What this task involves
Locate the word "Anodised" in the data below, then copy every line that holds it.

(Collected data)
################
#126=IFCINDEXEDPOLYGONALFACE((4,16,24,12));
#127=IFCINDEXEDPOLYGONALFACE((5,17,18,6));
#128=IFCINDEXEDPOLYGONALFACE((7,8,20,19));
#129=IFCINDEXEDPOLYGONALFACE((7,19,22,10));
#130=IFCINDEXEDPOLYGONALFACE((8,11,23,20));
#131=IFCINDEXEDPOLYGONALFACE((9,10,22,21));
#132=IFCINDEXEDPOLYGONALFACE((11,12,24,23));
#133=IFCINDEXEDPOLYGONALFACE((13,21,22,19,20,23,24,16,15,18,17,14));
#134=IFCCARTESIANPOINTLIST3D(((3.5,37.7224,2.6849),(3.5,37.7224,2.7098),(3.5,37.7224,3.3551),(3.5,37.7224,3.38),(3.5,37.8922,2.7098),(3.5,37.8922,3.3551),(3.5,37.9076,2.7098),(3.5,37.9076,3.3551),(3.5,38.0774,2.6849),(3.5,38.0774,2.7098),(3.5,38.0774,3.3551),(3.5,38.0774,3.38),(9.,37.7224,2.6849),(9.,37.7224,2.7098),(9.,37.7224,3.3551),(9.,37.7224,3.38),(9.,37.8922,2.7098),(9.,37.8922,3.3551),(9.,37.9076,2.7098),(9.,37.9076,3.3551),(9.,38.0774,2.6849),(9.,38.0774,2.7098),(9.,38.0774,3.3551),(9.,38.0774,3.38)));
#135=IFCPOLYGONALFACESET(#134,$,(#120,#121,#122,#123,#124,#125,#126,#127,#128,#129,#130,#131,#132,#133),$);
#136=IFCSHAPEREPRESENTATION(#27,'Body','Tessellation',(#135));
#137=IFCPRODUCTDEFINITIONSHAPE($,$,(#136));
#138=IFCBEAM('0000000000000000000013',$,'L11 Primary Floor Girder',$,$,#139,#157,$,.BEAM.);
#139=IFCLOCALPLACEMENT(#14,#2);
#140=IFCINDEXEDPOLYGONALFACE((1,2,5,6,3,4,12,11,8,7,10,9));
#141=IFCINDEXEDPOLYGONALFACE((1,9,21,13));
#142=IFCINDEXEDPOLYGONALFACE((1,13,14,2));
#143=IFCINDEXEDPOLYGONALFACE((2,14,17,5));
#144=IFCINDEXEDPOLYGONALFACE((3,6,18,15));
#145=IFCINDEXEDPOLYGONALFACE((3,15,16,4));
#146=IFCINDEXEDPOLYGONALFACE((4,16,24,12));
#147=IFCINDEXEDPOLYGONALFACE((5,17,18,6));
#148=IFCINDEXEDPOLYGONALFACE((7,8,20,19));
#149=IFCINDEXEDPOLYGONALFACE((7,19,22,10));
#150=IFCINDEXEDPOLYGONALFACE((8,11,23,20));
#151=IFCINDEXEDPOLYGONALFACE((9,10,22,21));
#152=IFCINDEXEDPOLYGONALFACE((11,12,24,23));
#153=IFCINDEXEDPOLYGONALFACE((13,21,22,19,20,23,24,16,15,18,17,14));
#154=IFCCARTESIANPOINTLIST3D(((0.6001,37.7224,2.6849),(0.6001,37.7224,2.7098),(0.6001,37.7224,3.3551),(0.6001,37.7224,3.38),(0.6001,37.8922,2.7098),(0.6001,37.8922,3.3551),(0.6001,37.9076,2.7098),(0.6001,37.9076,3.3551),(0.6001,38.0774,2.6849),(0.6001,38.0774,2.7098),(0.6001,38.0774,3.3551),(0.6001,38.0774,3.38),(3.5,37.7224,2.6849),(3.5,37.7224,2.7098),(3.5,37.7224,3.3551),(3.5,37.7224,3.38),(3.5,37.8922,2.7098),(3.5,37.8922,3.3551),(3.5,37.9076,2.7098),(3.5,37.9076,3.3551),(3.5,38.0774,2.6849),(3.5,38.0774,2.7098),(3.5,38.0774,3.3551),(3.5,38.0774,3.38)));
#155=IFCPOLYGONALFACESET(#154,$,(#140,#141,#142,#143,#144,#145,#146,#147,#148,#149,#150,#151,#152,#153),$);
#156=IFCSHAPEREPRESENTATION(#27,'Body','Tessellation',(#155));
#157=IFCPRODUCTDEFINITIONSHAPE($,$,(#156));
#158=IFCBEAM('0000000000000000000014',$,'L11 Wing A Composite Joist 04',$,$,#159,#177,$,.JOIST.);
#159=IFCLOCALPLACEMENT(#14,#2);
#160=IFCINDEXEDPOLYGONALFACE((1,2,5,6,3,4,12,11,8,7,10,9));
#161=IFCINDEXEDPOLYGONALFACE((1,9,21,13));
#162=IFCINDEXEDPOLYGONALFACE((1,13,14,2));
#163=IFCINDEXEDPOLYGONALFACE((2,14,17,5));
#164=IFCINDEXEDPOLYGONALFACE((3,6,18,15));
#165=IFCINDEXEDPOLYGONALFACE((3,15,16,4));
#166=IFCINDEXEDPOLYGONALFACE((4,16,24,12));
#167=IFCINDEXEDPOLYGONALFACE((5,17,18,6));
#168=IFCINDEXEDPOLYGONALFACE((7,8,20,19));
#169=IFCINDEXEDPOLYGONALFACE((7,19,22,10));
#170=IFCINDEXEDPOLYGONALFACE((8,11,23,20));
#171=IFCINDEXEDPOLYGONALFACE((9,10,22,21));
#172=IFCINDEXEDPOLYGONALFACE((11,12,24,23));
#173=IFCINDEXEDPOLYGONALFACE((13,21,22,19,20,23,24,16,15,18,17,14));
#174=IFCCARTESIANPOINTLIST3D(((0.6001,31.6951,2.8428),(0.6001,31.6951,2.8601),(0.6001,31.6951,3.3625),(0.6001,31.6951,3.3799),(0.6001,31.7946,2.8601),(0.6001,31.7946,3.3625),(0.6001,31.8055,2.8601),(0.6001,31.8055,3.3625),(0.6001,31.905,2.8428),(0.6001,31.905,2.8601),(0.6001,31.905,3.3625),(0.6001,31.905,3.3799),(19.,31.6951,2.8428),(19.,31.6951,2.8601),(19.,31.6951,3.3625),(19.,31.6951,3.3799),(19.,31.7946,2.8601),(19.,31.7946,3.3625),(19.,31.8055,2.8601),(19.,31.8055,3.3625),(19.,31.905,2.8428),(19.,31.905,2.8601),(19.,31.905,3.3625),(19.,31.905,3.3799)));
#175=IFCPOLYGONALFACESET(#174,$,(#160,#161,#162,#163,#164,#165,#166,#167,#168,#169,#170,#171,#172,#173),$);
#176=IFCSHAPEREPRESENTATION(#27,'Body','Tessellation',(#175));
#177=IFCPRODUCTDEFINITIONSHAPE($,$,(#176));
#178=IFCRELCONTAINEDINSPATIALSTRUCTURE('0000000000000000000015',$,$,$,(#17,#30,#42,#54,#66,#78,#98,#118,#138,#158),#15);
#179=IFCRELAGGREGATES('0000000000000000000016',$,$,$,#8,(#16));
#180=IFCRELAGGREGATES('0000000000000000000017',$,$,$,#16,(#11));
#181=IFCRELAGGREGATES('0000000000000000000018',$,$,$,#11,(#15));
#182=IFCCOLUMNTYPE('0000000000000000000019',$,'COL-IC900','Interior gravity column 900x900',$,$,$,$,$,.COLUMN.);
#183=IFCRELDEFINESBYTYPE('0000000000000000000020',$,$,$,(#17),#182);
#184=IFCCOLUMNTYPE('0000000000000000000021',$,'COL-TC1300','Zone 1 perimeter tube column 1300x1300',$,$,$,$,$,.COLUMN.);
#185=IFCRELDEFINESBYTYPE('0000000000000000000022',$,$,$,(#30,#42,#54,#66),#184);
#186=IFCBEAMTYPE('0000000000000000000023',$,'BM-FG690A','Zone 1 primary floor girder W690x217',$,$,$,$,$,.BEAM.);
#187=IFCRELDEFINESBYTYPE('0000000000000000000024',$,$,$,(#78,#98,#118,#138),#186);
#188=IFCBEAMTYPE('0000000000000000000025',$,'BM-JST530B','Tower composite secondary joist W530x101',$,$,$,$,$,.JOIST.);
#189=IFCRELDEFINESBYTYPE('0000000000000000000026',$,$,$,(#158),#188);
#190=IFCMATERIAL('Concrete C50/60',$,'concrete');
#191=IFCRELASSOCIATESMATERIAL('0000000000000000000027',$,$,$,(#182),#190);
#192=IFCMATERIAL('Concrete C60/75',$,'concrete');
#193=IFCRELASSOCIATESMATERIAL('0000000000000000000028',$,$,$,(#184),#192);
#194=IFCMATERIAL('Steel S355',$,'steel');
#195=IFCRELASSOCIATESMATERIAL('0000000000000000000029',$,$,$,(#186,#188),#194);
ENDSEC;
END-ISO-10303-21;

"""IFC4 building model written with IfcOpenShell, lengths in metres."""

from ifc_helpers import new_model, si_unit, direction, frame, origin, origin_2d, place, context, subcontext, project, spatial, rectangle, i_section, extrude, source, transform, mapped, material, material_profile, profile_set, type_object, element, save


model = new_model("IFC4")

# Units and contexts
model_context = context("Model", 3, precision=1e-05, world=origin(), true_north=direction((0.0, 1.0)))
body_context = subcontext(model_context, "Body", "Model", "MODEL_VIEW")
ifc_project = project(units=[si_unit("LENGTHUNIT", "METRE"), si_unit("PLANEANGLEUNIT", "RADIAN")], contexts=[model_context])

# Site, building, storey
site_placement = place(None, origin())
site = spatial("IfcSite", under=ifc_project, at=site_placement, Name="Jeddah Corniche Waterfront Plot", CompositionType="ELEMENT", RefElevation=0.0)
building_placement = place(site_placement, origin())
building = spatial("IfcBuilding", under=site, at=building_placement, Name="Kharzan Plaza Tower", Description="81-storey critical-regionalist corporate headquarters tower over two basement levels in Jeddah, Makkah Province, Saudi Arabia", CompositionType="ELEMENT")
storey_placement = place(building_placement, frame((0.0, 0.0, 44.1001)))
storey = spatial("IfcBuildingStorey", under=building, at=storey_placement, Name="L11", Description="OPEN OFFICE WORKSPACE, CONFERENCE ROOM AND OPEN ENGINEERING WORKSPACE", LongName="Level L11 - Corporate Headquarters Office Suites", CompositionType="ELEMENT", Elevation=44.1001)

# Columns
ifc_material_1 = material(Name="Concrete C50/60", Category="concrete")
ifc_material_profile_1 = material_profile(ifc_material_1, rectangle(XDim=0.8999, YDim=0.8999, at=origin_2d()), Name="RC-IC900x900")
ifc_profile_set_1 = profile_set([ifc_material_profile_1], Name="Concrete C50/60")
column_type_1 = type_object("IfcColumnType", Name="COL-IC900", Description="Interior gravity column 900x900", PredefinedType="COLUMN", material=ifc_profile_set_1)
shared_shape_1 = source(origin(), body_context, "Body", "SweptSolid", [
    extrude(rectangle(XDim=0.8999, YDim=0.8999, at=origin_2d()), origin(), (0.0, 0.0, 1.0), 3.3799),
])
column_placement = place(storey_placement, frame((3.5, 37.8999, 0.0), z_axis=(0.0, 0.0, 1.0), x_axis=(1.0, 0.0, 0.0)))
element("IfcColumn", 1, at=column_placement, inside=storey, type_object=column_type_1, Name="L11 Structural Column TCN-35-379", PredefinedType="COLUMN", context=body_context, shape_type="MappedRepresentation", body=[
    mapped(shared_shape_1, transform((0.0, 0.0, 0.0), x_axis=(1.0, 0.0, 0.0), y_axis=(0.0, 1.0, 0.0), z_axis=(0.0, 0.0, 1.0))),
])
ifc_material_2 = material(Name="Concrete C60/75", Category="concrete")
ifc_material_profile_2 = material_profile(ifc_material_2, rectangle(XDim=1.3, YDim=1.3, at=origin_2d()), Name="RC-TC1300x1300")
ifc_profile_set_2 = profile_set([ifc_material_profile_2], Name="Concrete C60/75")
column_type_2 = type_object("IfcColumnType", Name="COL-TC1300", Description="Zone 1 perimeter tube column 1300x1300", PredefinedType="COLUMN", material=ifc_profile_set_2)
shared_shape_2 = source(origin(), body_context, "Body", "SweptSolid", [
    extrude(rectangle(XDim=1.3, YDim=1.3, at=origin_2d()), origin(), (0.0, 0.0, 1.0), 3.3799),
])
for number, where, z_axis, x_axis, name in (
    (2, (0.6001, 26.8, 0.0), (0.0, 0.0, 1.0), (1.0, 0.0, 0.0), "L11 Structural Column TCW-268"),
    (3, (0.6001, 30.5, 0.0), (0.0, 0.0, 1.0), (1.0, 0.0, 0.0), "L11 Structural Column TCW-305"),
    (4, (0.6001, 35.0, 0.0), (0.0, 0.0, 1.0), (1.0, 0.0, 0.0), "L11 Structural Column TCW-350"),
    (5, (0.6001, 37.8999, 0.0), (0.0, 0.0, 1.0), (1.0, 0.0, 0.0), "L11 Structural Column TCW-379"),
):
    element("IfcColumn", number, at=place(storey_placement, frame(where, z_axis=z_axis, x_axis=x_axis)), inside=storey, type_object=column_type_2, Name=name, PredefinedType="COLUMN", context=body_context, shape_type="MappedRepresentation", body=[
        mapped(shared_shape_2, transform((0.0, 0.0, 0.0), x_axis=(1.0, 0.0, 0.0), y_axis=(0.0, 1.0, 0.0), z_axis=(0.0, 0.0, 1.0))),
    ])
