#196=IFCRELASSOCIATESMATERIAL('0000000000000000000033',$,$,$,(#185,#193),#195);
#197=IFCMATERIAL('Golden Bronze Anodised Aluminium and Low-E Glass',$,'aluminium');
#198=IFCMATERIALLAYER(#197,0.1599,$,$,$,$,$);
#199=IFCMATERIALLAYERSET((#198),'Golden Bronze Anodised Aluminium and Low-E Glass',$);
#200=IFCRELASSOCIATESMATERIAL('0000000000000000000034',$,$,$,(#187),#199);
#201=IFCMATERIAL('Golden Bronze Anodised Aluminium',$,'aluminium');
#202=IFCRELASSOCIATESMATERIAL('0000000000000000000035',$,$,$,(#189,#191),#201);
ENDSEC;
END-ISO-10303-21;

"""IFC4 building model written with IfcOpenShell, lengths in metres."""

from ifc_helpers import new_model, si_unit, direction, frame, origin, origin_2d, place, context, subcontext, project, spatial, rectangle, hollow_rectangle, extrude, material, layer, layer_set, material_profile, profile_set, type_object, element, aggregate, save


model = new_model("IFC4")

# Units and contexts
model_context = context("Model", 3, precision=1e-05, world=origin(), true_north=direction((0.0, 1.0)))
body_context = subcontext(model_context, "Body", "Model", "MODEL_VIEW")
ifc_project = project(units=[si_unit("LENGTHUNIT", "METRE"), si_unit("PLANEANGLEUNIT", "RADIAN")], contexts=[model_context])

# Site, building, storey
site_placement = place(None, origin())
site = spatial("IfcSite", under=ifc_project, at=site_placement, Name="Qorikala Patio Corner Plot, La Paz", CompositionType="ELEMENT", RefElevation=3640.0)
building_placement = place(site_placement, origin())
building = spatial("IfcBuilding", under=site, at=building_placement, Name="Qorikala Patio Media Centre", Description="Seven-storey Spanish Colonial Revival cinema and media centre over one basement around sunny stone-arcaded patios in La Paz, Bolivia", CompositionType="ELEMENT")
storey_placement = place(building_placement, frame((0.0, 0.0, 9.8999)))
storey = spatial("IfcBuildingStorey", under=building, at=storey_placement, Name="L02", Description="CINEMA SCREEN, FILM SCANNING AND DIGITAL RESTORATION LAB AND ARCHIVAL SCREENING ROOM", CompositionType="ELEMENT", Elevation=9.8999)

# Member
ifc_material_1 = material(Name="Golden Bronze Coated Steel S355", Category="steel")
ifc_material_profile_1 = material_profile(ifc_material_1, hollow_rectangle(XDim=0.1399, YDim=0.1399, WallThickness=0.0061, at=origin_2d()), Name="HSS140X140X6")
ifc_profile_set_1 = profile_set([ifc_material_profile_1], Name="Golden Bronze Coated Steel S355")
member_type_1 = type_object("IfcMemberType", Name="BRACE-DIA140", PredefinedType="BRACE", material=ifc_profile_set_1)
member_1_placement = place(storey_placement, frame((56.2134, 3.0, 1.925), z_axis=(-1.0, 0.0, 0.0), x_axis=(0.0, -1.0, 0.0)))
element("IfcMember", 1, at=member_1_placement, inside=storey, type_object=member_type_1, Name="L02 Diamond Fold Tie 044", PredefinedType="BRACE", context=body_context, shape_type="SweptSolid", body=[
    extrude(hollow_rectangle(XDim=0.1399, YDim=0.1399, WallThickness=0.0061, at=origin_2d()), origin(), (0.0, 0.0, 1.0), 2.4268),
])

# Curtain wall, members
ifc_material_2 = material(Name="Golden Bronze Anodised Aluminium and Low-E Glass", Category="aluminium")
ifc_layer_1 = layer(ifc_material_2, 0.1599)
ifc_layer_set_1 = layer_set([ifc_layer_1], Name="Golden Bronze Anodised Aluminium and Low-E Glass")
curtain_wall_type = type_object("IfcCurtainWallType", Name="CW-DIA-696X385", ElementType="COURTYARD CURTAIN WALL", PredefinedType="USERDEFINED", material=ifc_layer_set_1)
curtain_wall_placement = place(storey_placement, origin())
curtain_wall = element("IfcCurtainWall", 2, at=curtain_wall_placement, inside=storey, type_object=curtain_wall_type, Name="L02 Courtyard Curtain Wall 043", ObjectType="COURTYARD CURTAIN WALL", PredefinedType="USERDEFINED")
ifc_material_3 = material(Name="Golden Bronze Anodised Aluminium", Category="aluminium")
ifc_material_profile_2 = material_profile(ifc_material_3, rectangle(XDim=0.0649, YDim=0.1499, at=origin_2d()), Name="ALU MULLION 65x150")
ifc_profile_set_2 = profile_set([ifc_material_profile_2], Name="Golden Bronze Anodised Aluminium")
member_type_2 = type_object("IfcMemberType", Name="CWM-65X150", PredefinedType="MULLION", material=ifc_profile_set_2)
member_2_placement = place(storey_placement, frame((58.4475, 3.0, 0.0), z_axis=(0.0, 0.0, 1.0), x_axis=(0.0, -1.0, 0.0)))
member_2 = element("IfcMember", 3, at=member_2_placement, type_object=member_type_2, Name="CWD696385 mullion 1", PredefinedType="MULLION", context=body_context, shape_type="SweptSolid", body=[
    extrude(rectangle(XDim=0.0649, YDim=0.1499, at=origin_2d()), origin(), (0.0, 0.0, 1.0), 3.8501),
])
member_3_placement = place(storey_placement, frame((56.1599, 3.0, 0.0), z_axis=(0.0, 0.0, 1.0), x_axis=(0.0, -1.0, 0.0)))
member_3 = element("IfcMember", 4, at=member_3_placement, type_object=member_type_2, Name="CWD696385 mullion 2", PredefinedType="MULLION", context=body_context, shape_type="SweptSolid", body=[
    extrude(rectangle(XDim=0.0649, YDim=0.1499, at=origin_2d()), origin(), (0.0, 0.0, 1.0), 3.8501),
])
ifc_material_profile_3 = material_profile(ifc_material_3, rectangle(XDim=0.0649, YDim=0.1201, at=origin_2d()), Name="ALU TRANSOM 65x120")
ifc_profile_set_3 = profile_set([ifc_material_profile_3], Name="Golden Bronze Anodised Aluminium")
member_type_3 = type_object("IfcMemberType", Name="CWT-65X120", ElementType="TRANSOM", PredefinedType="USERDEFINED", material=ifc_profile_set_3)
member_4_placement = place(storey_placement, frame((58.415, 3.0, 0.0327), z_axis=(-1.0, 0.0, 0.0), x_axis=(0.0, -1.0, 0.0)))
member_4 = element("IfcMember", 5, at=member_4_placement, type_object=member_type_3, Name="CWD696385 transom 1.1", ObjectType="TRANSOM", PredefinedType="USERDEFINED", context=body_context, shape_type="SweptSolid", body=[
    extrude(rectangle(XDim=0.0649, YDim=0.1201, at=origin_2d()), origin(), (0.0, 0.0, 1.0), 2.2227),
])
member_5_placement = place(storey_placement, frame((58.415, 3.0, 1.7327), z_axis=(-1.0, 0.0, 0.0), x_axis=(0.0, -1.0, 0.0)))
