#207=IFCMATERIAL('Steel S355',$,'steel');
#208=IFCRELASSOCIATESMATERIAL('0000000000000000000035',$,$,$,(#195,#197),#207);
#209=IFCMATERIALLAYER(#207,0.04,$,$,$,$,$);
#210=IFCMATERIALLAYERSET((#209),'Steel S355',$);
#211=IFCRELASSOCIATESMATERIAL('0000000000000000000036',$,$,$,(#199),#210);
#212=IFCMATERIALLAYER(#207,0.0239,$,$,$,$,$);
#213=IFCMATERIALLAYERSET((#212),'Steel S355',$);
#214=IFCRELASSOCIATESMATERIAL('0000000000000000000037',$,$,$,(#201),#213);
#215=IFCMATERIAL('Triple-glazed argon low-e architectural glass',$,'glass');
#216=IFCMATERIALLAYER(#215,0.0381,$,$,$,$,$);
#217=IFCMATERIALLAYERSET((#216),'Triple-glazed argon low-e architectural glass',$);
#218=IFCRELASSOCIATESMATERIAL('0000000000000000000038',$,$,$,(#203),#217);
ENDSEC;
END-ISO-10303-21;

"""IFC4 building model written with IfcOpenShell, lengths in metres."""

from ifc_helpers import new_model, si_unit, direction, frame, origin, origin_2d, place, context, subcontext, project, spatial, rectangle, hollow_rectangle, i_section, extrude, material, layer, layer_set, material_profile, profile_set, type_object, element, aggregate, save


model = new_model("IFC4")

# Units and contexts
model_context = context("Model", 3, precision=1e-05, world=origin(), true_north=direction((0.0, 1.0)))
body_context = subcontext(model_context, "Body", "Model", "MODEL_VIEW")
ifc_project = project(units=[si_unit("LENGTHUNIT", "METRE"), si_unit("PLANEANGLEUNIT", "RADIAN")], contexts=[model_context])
################
Answer for this exercise
#197=IFCMATERIAL('Golden Bronze Anodised Aluminium and Low-E Glass',$,'aluminium');
#199=IFCMATERIALLAYERSET((#198),'Golden Bronze Anodised Aluminium and Low-E Glass',$);
#201=IFCMATERIAL('Golden Bronze Anodised Aluminium',$,'aluminium');
ifc_material_2 = material(Name="Golden Bronze Anodised Aluminium and Low-E Glass", Category="aluminium")
ifc_layer_set_1 = layer_set([ifc_layer_1], Name="Golden Bronze Anodised Aluminium and Low-E Glass")
ifc_material_3 = material(Name="Golden Bronze Anodised Aluminium", Category="aluminium")
ifc_profile_set_2 = profile_set([ifc_material_profile_2], Name="Golden Bronze Anodised Aluminium")
ifc_profile_set_3 = profile_set([ifc_material_profile_3], Name="Golden Bronze Anodised Aluminium")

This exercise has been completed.